> **Material shown**:
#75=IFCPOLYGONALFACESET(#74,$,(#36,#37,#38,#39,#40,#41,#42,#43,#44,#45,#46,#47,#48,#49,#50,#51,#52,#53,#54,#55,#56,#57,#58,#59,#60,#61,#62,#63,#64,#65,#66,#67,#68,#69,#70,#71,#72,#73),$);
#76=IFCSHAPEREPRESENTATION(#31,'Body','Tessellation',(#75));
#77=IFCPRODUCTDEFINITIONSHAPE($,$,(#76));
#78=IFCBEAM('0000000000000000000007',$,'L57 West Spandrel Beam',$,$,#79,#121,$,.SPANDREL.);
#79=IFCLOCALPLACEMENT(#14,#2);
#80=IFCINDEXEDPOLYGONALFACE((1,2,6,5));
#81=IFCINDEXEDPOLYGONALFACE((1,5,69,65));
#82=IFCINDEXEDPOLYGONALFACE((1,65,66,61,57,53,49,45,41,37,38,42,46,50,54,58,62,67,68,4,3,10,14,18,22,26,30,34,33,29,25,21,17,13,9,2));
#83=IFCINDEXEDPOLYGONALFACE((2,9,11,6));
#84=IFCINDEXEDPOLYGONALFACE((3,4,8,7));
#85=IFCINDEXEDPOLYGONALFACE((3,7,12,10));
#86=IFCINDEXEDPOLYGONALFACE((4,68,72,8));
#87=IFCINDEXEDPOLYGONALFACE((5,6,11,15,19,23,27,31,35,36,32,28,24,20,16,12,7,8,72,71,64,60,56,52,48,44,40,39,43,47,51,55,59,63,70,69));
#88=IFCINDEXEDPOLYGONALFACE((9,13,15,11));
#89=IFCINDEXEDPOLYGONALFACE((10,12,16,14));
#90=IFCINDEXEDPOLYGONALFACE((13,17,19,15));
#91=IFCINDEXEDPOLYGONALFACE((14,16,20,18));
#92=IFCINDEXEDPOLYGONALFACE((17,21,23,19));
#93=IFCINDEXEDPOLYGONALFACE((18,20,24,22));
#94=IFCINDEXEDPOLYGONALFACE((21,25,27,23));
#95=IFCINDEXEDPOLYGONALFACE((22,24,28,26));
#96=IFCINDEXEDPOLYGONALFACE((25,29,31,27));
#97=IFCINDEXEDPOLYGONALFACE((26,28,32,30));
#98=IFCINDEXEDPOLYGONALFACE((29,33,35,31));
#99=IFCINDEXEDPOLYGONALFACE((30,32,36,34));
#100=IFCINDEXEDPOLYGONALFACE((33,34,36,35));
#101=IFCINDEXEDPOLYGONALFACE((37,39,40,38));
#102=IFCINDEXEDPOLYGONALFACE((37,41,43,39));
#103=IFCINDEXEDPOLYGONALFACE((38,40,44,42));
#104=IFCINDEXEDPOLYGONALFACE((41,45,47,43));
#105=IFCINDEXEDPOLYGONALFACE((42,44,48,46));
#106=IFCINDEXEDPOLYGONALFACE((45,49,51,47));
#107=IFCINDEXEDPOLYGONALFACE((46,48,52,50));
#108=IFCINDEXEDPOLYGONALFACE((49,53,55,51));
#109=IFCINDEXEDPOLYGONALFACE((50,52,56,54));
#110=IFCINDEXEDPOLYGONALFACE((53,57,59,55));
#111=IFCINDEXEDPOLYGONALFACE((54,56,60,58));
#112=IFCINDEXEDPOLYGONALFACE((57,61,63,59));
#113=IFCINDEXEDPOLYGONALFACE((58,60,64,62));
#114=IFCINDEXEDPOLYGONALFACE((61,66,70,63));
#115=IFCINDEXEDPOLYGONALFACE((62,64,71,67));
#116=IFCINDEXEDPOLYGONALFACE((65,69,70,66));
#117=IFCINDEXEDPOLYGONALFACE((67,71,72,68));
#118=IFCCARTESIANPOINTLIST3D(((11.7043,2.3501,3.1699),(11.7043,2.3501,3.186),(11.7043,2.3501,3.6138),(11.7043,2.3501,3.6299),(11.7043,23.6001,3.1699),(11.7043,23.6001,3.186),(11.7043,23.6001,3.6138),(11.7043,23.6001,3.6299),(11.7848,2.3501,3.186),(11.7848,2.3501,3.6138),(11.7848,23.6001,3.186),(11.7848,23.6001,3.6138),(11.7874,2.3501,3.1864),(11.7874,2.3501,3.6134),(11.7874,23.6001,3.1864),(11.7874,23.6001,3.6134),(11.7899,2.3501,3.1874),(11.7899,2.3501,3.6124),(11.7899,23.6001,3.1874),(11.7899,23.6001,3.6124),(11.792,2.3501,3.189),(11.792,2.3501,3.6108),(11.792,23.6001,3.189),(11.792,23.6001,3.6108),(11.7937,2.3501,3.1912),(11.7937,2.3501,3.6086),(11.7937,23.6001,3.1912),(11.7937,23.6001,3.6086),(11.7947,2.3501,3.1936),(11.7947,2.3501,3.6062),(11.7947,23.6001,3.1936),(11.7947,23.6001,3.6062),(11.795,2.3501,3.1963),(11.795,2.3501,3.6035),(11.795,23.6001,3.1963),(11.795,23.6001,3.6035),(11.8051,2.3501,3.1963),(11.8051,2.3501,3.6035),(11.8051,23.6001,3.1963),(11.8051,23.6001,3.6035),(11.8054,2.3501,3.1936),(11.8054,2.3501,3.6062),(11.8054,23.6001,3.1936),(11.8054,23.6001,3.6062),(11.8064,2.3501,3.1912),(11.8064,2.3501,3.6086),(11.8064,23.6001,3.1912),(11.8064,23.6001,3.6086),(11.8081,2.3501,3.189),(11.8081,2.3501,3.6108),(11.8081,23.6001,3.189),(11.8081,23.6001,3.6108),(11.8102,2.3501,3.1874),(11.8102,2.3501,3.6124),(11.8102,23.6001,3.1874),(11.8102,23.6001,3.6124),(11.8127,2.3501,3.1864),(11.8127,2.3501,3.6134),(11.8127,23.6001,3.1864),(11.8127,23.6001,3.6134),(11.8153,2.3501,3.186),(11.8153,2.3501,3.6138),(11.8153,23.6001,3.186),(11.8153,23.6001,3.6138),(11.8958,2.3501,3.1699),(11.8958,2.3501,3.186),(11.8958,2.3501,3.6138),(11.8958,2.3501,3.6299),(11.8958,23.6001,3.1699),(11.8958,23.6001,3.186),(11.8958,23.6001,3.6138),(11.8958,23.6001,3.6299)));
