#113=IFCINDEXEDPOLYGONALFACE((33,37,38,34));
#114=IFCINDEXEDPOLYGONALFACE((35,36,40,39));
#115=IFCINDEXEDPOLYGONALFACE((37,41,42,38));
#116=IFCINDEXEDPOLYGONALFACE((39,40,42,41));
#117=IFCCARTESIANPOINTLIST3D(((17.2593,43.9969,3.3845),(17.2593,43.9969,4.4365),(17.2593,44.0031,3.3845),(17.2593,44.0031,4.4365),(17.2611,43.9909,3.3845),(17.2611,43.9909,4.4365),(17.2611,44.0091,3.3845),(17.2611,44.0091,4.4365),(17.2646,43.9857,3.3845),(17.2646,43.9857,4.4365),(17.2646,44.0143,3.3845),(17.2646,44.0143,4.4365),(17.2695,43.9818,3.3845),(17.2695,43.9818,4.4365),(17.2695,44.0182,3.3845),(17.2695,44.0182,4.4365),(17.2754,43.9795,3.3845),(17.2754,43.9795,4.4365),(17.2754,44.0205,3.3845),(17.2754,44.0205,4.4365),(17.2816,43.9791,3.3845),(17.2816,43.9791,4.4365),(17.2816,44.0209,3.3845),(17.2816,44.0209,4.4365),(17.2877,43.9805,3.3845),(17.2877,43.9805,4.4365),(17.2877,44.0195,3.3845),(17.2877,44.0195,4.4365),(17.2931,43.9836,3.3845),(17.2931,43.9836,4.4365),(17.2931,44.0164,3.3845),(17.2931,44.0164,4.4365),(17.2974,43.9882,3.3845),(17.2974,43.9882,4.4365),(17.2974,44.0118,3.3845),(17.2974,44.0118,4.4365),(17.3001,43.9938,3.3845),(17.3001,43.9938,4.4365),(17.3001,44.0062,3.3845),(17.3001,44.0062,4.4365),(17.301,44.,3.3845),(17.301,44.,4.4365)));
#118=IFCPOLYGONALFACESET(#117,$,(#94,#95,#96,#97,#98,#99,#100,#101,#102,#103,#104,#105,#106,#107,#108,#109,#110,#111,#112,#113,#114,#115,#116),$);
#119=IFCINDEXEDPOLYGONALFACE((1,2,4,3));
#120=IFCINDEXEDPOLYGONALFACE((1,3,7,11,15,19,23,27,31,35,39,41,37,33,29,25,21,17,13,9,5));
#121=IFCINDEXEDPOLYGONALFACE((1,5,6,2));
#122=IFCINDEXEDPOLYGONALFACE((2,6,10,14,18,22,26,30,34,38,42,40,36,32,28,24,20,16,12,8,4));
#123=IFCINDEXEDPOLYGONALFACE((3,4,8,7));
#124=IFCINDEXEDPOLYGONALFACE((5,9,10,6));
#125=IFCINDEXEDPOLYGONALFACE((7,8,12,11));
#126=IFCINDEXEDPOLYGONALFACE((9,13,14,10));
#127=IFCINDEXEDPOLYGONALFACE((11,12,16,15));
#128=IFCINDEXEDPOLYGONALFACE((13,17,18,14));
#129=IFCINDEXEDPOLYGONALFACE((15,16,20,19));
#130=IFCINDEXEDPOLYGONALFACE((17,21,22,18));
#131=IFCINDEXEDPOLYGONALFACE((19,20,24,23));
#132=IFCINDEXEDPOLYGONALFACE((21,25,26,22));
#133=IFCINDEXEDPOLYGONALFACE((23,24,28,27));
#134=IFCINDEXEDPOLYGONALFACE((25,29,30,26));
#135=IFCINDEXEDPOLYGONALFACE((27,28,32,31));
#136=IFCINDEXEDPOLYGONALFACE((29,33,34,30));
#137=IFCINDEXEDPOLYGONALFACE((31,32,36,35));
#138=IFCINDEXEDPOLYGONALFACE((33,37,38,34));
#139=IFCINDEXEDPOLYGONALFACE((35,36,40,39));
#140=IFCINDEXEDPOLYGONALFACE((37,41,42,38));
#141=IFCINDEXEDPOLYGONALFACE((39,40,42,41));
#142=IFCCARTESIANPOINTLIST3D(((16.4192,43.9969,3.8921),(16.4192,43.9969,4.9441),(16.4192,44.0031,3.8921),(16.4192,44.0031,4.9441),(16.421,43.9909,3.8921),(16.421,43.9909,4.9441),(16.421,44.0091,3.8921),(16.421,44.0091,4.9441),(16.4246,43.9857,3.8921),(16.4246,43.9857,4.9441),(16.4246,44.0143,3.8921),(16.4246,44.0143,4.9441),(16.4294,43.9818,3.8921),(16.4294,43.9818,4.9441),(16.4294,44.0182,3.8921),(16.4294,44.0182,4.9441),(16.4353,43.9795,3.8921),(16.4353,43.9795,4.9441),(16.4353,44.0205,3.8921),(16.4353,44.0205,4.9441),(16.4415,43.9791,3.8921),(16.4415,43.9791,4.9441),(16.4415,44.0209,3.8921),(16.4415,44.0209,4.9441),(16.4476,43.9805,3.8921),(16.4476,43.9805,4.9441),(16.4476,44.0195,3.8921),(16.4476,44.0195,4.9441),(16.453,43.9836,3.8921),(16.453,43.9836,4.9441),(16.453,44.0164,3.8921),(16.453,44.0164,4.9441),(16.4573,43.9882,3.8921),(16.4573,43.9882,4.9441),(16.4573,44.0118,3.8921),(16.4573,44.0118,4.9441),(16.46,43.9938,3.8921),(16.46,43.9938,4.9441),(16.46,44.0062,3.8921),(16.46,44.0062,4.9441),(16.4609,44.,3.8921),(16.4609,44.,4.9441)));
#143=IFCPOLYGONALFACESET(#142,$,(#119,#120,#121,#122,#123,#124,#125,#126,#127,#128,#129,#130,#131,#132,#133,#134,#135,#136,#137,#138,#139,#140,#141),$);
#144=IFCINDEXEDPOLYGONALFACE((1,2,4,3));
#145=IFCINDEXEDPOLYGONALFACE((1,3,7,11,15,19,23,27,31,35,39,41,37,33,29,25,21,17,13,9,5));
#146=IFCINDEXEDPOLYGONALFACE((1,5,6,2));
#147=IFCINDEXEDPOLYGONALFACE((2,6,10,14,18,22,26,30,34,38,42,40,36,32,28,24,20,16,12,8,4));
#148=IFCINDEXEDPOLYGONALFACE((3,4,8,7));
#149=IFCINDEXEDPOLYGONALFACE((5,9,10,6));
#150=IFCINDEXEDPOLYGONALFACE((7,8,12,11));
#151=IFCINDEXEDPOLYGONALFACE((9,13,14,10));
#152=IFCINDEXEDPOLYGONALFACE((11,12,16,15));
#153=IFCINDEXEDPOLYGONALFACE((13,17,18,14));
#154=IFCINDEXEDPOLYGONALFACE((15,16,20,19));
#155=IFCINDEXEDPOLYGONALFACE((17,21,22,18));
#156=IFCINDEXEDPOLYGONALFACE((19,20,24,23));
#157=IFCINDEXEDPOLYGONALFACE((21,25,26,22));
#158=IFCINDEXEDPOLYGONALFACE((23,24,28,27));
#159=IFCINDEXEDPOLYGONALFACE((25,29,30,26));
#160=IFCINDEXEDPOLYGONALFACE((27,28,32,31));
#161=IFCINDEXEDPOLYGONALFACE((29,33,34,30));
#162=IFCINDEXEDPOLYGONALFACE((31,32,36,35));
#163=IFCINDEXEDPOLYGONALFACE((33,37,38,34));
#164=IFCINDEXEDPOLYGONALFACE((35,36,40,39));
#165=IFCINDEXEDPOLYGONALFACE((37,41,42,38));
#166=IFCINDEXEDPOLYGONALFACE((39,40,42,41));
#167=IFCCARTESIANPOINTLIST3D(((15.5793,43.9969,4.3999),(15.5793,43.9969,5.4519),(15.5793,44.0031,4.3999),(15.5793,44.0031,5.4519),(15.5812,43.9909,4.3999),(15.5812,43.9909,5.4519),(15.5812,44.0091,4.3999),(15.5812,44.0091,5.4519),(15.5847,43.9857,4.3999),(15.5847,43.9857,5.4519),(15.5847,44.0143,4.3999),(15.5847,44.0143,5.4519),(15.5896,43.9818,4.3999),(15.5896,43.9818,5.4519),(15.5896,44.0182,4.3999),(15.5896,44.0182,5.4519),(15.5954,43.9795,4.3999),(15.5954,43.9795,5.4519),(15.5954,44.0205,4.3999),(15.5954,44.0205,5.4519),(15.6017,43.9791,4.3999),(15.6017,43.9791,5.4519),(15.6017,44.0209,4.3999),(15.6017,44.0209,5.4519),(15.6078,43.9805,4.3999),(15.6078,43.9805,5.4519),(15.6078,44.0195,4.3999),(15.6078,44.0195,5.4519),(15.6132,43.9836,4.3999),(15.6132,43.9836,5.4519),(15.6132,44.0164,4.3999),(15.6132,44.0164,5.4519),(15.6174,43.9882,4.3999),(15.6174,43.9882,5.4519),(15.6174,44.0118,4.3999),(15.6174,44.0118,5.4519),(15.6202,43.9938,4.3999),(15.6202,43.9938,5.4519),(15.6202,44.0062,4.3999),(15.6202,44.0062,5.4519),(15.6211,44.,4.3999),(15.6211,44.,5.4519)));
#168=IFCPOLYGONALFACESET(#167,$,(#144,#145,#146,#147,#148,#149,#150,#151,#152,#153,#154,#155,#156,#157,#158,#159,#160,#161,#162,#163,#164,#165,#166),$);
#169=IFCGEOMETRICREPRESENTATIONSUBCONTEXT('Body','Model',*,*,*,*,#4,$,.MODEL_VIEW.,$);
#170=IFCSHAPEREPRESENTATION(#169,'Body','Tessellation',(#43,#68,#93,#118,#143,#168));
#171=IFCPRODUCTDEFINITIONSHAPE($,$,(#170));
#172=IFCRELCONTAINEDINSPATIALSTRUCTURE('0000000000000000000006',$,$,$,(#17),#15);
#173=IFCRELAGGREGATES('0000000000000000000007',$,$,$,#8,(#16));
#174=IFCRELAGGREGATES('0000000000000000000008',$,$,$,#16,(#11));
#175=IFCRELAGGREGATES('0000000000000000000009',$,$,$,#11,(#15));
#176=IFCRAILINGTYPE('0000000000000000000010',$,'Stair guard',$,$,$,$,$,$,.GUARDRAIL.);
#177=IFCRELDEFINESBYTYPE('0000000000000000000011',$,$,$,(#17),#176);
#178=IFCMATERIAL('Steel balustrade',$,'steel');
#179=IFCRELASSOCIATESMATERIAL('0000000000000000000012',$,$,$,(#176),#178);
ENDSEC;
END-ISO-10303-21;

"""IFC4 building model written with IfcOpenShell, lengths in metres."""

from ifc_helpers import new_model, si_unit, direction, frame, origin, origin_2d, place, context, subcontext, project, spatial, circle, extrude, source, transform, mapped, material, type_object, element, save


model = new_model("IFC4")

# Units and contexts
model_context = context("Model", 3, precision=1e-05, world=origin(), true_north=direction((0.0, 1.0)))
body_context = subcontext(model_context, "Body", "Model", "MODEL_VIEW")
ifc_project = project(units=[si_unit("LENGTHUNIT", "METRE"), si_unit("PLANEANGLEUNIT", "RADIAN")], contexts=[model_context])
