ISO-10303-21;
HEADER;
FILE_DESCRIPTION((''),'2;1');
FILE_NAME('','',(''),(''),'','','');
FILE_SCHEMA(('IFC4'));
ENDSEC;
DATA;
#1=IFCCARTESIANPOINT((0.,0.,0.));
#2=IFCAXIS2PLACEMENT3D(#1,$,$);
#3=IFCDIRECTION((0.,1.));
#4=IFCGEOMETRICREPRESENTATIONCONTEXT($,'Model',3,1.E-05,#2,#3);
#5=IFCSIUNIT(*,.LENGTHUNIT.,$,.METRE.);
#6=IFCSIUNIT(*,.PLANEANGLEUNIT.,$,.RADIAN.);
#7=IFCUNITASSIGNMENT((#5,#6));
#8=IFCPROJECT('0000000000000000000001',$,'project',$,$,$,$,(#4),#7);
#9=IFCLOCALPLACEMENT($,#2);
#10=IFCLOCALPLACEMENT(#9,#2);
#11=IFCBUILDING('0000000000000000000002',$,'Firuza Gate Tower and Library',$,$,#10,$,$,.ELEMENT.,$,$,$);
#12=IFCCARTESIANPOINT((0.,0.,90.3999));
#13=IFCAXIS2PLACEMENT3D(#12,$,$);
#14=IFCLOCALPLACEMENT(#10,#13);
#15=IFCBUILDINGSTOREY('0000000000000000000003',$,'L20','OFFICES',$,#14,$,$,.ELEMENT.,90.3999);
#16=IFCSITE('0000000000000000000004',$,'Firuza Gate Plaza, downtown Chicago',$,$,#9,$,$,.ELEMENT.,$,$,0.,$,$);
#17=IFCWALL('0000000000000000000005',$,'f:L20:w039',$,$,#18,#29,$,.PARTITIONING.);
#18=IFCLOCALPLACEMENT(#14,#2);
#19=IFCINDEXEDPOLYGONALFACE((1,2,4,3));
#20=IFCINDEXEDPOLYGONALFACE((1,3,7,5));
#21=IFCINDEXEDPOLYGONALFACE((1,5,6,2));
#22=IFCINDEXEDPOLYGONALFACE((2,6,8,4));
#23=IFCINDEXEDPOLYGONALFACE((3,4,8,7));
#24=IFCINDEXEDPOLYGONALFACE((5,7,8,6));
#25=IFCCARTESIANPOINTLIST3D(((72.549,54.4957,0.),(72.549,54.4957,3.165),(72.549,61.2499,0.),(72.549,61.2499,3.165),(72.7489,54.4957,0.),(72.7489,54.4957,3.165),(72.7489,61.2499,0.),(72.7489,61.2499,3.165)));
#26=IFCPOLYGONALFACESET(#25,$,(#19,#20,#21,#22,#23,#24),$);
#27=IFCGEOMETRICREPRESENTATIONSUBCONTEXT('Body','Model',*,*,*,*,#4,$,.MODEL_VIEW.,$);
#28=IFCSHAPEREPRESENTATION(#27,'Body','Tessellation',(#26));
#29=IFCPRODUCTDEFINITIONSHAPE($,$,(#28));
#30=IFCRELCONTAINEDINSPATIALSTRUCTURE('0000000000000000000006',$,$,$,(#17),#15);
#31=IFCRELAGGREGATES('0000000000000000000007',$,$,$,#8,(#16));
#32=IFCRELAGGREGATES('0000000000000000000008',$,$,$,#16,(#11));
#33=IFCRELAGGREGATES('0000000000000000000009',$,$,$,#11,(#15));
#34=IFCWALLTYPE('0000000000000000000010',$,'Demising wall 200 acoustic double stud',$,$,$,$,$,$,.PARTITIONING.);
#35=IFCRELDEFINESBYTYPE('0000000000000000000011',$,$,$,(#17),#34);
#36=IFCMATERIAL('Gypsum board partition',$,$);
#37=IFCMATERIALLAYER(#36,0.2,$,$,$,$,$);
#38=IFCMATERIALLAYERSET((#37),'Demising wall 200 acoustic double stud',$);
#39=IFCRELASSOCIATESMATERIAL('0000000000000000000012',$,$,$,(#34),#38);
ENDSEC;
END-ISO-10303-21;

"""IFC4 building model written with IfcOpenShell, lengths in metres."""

from ifc_helpers import new_model, si_unit, direction, frame, frame_2d, origin, place, context, subcontext, project, spatial, rectangle, extrude, material, layer, layer_set, type_object, element, save


model = new_model("IFC4")

# Units and contexts
model_context = context("Model", 3, precision=1e-05, world=origin(), true_north=direction((0.0, 1.0)))
body_context = subcontext(model_context, "Body", "Model", "MODEL_VIEW")
ifc_project = project(units=[si_unit("LENGTHUNIT", "METRE"), si_unit("PLANEANGLEUNIT", "RADIAN")], contexts=[model_context])

# Site, building, storey
site_placement = place(None, origin())
site = spatial("IfcSite", under=ifc_project, at=site_placement, Name="Firuza Gate Plaza, downtown Chicago", CompositionType="ELEMENT", RefElevation=0.0)
building_placement = place(site_placement, origin())
building = spatial("IfcBuilding", under=site, at=building_placement, Name="Firuza Gate Tower and Library", CompositionType="ELEMENT")
storey_placement = place(building_placement, frame((0.0, 0.0, 90.3999)))
storey = spatial("IfcBuildingStorey", under=building, at=storey_placement, Name="L20", Description="OFFICES", CompositionType="ELEMENT", Elevation=90.3999)

# Wall
ifc_material_1 = material(Name="Gypsum board partition")
ifc_layer_1 = layer(ifc_material_1, 0.2)
ifc_layer_set_1 = layer_set([ifc_layer_1], Name="Demising wall 200 acoustic double stud")
wall_type = type_object("IfcWallType", Name="Demising wall 200 acoustic double stud", PredefinedType="PARTITIONING", material=ifc_layer_set_1)
wall_placement = place(storey_placement, frame((72.6489, 54.4958, 0.0), z_axis=(0.0, 0.0, 1.0), x_axis=(0.0, 1.0, 0.0)))
element("IfcWall", 1, at=wall_placement, inside=storey, type_object=wall_type, Name="f:L20:w039", PredefinedType="PARTITIONING", context=body_context, shape_type="SweptSolid", body=[
    extrude(rectangle(XDim=6.7542, YDim=0.2, at=frame_2d((3.377, 0.0))), origin(), (0.0, 0.0, 1.0), 3.165),
])

save(model, "model.ifc")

> **Directions for this task**:
Write down exactly the span of lines above from the one containing "#106=IFCINDEXEDPOLYGONALFACE((45,49,51,47));" to the one containing "#117=IFCINDEXEDPOLYGONALFACE((67,71,72,68));", both ends included.

> **Your solution**:
#106=IFCINDEXEDPOLYGONALFACE((45,49,51,47));
#107=IFCINDEXEDPOLYGONALFACE((46,48,52,50));
#108=IFCINDEXEDPOLYGONALFACE((49,53,55,51));
#109=IFCINDEXEDPOLYGONALFACE((50,52,56,54));
#110=IFCINDEXEDPOLYGONALFACE((53,57,59,55));
#111=IFCINDEXEDPOLYGONALFACE((54,56,60,58));
#112=IFCINDEXEDPOLYGONALFACE((57,61,63,59));
#113=IFCINDEXEDPOLYGONALFACE((58,60,64,62));
#114=IFCINDEXEDPOLYGONALFACE((61,66,70,63));
#115=IFCINDEXEDPOLYGONALFACE((62,64,71,67));
#116=IFCINDEXEDPOLYGONALFACE((65,69,70,66));
#117=IFCINDEXEDPOLYGONALFACE((67,71,72,68));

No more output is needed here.